▶ [Your instructions]: Locate the string "IFCSIUNIT" in the listing below. Copy every line where it is found.

▶ [Data for this exercise]:
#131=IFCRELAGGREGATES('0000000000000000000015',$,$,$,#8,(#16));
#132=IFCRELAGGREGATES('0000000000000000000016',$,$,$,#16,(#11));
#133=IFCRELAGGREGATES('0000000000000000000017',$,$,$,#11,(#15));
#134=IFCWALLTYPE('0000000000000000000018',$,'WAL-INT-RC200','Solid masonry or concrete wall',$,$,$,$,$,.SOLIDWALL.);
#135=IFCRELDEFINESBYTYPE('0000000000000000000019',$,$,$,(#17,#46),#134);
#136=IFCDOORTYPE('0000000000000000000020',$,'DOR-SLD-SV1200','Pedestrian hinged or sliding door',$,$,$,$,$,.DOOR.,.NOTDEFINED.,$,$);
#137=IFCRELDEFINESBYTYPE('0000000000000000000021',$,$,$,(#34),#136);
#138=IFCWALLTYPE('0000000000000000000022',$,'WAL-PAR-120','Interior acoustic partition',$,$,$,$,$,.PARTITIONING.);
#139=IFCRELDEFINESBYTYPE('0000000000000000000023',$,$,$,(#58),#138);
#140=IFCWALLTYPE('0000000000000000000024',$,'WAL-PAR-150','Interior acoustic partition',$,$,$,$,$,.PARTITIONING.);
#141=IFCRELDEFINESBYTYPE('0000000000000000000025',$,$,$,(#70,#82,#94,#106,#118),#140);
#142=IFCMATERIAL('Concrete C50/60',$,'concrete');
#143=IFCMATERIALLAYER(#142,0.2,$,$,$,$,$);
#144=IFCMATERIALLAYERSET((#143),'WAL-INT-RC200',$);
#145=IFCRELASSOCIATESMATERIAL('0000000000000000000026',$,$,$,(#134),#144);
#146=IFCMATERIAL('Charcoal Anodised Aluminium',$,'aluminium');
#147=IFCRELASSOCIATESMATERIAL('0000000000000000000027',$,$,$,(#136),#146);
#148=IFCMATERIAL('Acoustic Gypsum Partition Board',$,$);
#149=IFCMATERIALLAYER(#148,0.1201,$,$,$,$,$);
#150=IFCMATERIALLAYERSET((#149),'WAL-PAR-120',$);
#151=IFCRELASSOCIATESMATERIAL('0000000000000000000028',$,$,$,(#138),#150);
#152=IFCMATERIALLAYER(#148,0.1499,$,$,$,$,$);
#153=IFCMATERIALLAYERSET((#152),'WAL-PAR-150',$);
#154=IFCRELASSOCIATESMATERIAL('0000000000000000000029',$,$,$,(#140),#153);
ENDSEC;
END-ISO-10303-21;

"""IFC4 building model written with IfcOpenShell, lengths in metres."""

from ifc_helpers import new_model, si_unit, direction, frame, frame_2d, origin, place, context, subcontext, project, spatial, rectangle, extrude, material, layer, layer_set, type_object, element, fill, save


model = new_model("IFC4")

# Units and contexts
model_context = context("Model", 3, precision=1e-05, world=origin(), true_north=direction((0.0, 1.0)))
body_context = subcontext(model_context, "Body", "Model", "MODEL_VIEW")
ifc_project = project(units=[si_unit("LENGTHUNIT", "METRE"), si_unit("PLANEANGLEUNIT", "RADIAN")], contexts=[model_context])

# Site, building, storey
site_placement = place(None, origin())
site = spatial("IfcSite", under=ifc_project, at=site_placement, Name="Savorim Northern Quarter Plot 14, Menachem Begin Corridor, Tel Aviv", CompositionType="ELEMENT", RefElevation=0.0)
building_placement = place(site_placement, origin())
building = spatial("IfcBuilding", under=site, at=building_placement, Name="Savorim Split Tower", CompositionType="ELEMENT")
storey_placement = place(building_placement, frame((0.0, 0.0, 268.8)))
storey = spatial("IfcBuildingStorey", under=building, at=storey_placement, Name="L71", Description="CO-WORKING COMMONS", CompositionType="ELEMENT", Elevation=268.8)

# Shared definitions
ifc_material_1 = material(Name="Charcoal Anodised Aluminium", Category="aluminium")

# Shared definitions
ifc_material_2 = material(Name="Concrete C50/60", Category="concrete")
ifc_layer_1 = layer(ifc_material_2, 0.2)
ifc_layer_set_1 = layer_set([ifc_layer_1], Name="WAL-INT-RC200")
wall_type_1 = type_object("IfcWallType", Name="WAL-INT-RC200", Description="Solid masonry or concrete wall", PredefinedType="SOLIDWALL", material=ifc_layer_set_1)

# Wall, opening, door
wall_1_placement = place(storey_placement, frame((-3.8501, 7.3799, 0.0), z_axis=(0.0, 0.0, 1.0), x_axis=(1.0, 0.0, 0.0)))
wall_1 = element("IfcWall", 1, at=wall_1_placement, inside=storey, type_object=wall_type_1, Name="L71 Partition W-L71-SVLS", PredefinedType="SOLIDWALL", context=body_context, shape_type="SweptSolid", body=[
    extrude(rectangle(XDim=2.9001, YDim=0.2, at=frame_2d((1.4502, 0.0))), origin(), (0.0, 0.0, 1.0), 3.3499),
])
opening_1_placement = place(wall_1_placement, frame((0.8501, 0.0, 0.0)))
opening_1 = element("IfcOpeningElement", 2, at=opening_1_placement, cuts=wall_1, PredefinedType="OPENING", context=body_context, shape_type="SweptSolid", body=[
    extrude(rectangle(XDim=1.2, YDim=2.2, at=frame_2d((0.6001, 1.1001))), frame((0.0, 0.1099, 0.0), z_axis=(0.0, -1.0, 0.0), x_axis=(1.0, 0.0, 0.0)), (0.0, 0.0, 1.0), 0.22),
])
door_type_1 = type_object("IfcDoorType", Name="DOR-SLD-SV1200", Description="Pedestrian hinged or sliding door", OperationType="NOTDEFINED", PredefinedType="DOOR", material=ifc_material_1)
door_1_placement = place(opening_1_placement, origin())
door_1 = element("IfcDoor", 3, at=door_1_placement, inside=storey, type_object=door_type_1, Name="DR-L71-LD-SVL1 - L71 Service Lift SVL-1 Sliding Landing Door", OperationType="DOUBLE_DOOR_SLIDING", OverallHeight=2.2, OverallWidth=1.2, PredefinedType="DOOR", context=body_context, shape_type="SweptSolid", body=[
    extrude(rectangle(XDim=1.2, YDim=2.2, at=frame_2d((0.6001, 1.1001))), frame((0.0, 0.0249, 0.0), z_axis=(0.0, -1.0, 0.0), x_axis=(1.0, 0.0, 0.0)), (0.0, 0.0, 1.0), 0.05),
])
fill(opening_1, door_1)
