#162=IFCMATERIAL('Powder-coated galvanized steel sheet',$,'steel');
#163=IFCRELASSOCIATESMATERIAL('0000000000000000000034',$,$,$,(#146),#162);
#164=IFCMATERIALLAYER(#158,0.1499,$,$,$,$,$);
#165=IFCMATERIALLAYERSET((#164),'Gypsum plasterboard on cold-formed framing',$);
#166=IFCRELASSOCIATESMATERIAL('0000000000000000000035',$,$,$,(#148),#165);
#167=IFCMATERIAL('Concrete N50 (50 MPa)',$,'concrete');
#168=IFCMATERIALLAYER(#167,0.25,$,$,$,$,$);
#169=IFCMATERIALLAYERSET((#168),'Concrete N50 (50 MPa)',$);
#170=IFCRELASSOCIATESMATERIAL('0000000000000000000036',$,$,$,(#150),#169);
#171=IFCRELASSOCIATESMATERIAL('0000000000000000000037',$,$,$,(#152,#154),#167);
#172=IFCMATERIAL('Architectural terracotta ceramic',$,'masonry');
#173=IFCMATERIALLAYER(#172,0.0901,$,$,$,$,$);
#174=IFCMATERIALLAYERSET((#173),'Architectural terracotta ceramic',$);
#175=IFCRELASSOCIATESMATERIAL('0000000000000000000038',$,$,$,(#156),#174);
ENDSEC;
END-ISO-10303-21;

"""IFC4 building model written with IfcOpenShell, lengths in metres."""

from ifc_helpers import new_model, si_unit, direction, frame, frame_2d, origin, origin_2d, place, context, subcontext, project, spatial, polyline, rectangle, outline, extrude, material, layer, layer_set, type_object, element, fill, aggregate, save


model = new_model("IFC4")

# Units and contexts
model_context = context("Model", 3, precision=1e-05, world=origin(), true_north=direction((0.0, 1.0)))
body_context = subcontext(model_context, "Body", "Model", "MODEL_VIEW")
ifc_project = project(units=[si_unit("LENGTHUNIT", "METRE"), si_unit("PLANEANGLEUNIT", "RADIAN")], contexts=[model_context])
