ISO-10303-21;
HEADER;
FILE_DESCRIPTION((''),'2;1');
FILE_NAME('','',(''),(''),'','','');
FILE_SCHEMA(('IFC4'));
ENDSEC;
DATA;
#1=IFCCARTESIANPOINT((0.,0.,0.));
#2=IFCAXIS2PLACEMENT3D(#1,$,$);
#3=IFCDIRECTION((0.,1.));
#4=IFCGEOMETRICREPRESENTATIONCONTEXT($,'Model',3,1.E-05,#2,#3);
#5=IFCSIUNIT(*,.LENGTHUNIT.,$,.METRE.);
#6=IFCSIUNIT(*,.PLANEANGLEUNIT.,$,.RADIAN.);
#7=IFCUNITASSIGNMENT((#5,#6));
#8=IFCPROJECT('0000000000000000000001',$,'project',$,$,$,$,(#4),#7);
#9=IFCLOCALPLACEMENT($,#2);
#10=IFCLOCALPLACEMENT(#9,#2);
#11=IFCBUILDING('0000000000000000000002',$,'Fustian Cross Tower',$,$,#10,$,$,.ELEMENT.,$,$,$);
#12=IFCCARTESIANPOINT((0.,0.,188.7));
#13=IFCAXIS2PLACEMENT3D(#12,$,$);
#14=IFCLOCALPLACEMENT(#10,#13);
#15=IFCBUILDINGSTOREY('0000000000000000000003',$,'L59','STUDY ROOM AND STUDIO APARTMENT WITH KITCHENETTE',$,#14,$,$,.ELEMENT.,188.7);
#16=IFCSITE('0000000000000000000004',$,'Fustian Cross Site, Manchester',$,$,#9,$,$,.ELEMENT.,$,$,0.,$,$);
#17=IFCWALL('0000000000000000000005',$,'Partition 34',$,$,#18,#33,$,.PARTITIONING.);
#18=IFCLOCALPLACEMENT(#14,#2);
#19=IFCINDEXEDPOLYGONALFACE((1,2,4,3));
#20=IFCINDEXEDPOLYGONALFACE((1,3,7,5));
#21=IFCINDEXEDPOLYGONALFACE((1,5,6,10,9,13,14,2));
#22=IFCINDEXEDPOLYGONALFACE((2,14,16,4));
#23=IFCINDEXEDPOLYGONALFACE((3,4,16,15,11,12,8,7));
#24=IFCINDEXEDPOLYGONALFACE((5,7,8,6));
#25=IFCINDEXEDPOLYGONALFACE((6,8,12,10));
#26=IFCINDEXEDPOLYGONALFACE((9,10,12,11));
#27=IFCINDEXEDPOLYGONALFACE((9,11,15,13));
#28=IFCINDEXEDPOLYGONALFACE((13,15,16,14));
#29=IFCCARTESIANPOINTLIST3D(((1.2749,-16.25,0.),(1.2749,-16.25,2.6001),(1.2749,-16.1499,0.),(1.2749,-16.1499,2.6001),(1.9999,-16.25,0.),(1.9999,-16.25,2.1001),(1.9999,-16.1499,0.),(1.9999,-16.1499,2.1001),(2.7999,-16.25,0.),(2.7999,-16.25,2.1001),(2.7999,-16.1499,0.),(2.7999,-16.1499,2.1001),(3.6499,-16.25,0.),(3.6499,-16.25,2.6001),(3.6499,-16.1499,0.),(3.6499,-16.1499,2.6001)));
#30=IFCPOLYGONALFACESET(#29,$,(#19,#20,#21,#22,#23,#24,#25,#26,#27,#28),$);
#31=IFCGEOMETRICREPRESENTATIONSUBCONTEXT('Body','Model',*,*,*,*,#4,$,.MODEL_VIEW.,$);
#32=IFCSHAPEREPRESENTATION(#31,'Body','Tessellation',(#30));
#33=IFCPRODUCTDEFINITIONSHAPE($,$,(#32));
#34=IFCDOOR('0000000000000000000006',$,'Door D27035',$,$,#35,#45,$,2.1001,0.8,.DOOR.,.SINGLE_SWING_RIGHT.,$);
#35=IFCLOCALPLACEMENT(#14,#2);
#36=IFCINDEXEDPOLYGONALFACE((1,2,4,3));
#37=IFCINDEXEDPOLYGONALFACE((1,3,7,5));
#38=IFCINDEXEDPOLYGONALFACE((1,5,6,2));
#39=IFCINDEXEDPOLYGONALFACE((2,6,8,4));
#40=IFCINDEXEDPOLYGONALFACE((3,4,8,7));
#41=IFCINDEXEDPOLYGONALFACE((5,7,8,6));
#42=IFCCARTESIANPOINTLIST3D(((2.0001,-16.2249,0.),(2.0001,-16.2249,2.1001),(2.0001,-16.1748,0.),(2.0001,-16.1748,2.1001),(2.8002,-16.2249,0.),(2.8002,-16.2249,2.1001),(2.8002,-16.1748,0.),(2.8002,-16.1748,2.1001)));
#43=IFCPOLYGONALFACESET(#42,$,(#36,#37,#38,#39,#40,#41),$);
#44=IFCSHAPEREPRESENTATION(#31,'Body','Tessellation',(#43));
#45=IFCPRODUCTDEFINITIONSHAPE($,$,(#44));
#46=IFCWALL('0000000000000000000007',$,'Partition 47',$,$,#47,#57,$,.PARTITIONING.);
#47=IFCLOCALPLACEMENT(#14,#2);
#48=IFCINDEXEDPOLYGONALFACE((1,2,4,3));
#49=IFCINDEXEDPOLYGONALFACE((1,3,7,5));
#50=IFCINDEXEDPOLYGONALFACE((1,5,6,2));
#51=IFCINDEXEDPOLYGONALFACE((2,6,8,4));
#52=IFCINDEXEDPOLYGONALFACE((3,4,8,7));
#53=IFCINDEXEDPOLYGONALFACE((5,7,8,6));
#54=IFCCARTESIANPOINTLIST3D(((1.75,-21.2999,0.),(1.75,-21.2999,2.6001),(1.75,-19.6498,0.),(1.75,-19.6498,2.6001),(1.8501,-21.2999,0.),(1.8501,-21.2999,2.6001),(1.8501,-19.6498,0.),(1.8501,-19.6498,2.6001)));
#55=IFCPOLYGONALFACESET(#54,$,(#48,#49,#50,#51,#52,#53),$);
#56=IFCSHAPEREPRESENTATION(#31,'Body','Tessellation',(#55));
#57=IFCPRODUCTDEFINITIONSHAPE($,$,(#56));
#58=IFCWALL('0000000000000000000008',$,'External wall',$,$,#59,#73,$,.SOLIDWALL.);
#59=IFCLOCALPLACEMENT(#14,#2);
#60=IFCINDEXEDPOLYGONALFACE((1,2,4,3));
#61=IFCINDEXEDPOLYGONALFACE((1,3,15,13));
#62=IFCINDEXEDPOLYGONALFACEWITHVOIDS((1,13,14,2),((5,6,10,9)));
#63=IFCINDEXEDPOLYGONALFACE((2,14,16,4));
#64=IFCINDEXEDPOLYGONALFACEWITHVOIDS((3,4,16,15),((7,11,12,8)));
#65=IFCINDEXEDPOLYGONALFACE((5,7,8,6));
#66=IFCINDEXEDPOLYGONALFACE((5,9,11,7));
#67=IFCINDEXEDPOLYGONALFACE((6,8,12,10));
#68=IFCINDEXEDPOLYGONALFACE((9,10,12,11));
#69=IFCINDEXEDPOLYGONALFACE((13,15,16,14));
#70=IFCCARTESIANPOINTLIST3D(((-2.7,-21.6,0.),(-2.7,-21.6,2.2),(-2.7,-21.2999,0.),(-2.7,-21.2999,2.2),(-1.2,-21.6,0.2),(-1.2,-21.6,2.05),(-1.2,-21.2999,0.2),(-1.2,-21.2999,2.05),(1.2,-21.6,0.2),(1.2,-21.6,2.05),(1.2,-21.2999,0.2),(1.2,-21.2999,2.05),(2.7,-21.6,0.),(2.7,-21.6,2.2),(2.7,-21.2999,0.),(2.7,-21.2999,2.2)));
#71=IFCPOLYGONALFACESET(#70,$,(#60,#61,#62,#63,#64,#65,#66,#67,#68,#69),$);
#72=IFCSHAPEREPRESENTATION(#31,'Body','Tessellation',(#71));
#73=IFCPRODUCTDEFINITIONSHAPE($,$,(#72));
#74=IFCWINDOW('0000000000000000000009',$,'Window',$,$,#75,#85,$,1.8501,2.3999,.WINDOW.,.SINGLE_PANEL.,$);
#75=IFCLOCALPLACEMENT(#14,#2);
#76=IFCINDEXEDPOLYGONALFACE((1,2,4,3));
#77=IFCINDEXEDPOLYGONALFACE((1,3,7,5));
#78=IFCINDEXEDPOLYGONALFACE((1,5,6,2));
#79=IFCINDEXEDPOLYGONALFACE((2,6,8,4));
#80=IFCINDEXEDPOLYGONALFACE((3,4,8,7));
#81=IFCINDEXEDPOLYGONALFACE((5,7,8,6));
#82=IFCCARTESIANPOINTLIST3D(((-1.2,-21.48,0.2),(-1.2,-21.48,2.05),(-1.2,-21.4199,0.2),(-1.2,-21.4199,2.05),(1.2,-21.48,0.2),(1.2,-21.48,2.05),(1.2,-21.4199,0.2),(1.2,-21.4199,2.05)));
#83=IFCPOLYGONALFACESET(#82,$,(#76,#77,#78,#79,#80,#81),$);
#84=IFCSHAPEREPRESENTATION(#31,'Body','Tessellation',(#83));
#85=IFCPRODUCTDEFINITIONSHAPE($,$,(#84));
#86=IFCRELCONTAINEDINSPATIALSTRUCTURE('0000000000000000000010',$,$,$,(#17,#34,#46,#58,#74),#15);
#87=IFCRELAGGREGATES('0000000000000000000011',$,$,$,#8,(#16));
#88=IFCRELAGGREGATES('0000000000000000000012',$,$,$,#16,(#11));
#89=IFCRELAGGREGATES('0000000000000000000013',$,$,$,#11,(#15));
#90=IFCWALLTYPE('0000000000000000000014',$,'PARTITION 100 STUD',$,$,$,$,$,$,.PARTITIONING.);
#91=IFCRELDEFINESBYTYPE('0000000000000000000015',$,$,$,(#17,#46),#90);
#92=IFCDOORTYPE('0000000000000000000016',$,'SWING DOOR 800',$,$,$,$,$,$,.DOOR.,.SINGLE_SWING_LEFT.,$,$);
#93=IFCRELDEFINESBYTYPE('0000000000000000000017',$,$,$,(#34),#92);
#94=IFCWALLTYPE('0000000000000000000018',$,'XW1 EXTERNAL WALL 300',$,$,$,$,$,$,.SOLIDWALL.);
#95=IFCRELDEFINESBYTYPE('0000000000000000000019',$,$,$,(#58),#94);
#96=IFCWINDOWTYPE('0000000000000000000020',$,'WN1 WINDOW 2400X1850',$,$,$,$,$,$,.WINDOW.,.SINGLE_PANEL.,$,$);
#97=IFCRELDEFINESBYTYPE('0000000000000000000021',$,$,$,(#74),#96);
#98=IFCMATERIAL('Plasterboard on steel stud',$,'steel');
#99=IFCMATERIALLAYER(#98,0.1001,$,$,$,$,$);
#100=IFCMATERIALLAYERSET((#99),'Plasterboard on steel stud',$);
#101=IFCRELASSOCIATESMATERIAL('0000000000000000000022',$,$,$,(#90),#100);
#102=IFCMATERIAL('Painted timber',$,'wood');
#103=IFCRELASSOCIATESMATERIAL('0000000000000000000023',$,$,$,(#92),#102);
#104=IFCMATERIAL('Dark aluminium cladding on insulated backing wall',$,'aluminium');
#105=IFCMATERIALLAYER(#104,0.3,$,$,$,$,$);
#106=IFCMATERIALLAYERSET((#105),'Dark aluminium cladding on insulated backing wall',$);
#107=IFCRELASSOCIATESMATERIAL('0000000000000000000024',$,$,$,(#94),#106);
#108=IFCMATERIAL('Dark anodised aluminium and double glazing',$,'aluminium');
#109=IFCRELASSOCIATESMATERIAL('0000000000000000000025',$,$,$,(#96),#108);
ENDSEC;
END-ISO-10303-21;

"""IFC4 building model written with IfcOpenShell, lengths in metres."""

from ifc_helpers import new_model, si_unit, direction, frame, frame_2d, origin, place, context, subcontext, project, spatial, rectangle, extrude, material, layer, layer_set, type_object, element, fill, save


model = new_model("IFC4")

# Units and contexts
model_context = context("Model", 3, precision=1e-05, world=origin(), true_north=direction((0.0, 1.0)))
body_context = subcontext(model_context, "Body", "Model", "MODEL_VIEW")
ifc_project = project(units=[si_unit("LENGTHUNIT", "METRE"), si_unit("PLANEANGLEUNIT", "RADIAN")], contexts=[model_context])

# Site, building, storey
site_placement = place(None, origin())
site = spatial("IfcSite", under=ifc_project, at=site_placement, Name="Fustian Cross Site, Manchester", CompositionType="ELEMENT", RefElevation=0.0)
building_placement = place(site_placement, origin())
building = spatial("IfcBuilding", under=site, at=building_placement, Name="Fustian Cross Tower", CompositionType="ELEMENT")
storey_placement = place(building_placement, frame((0.0, 0.0, 188.7)))
storey = spatial("IfcBuildingStorey", under=building, at=storey_placement, Name="L59", Description="STUDY ROOM AND STUDIO APARTMENT WITH KITCHENETTE", CompositionType="ELEMENT", Elevation=188.7)

# Shared definitions
ifc_material_1 = material(Name="Plasterboard on steel stud", Category="steel")
ifc_layer_1 = layer(ifc_material_1, 0.1001)
ifc_layer_set_1 = layer_set([ifc_layer_1], Name="Plasterboard on steel stud")
wall_type_1 = type_object("IfcWallType", Name="PARTITION 100 STUD", PredefinedType="PARTITIONING", material=ifc_layer_set_1)

# Wall, opening, door
wall_1_placement = place(storey_placement, frame((1.2749, -16.2, 0.0), z_axis=(0.0, 0.0, 1.0), x_axis=(1.0, 0.0, 0.0)))
wall_1 = element("IfcWall", 1, at=wall_1_placement, inside=storey, type_object=wall_type_1, Name="Partition 34", PredefinedType="PARTITIONING", context=body_context, shape_type="SweptSolid", body=[
    extrude(rectangle(XDim=2.375, YDim=0.1001, at=frame_2d((1.1875, 0.0))), origin(), (0.0, 0.0, 1.0), 2.6001),
])
opening_1_placement = place(wall_1_placement, frame((0.7251, 0.0, 0.0)))
opening_1 = element("IfcOpeningElement", 2, at=opening_1_placement, cuts=wall_1, PredefinedType="OPENING", context=body_context, shape_type="SweptSolid", body=[
    extrude(rectangle(XDim=0.8, YDim=2.1001, at=frame_2d((0.3999, 1.05))), frame((0.0, 0.0601, 0.0), z_axis=(0.0, -1.0, 0.0), x_axis=(1.0, 0.0, 0.0)), (0.0, 0.0, 1.0), 0.1201),
])
ifc_material_2 = material(Name="Painted timber", Category="wood")
door_type_1 = type_object("IfcDoorType", Name="SWING DOOR 800", OperationType="SINGLE_SWING_LEFT", PredefinedType="DOOR", material=ifc_material_2)
door_1_placement = place(opening_1_placement, frame((0.8, 0.0, 0.0), z_axis=(0.0, 0.0, 1.0), x_axis=(-1.0, 0.0, 0.0)))
door_1 = element("IfcDoor", 3, at=door_1_placement, inside=storey, type_object=door_type_1, Name="Door D27035", OperationType="SINGLE_SWING_RIGHT", OverallHeight=2.1001, OverallWidth=0.8, PredefinedType="DOOR", context=body_context, shape_type="SweptSolid", body=[
    extrude(rectangle(XDim=0.8, YDim=2.1001, at=frame_2d((0.3999, 1.05))), frame((0.0, 0.0249, 0.0), z_axis=(0.0, -1.0, 0.0), x_axis=(1.0, 0.0, 0.0)), (0.0, 0.0, 1.0), 0.05),
])
fill(opening_1, door_1)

▶ [Answer box]:
#5=IFCSIUNIT(*,.LENGTHUNIT.,$,.METRE.);
#6=IFCSIUNIT(*,.PLANEANGLEUNIT.,$,.RADIAN.);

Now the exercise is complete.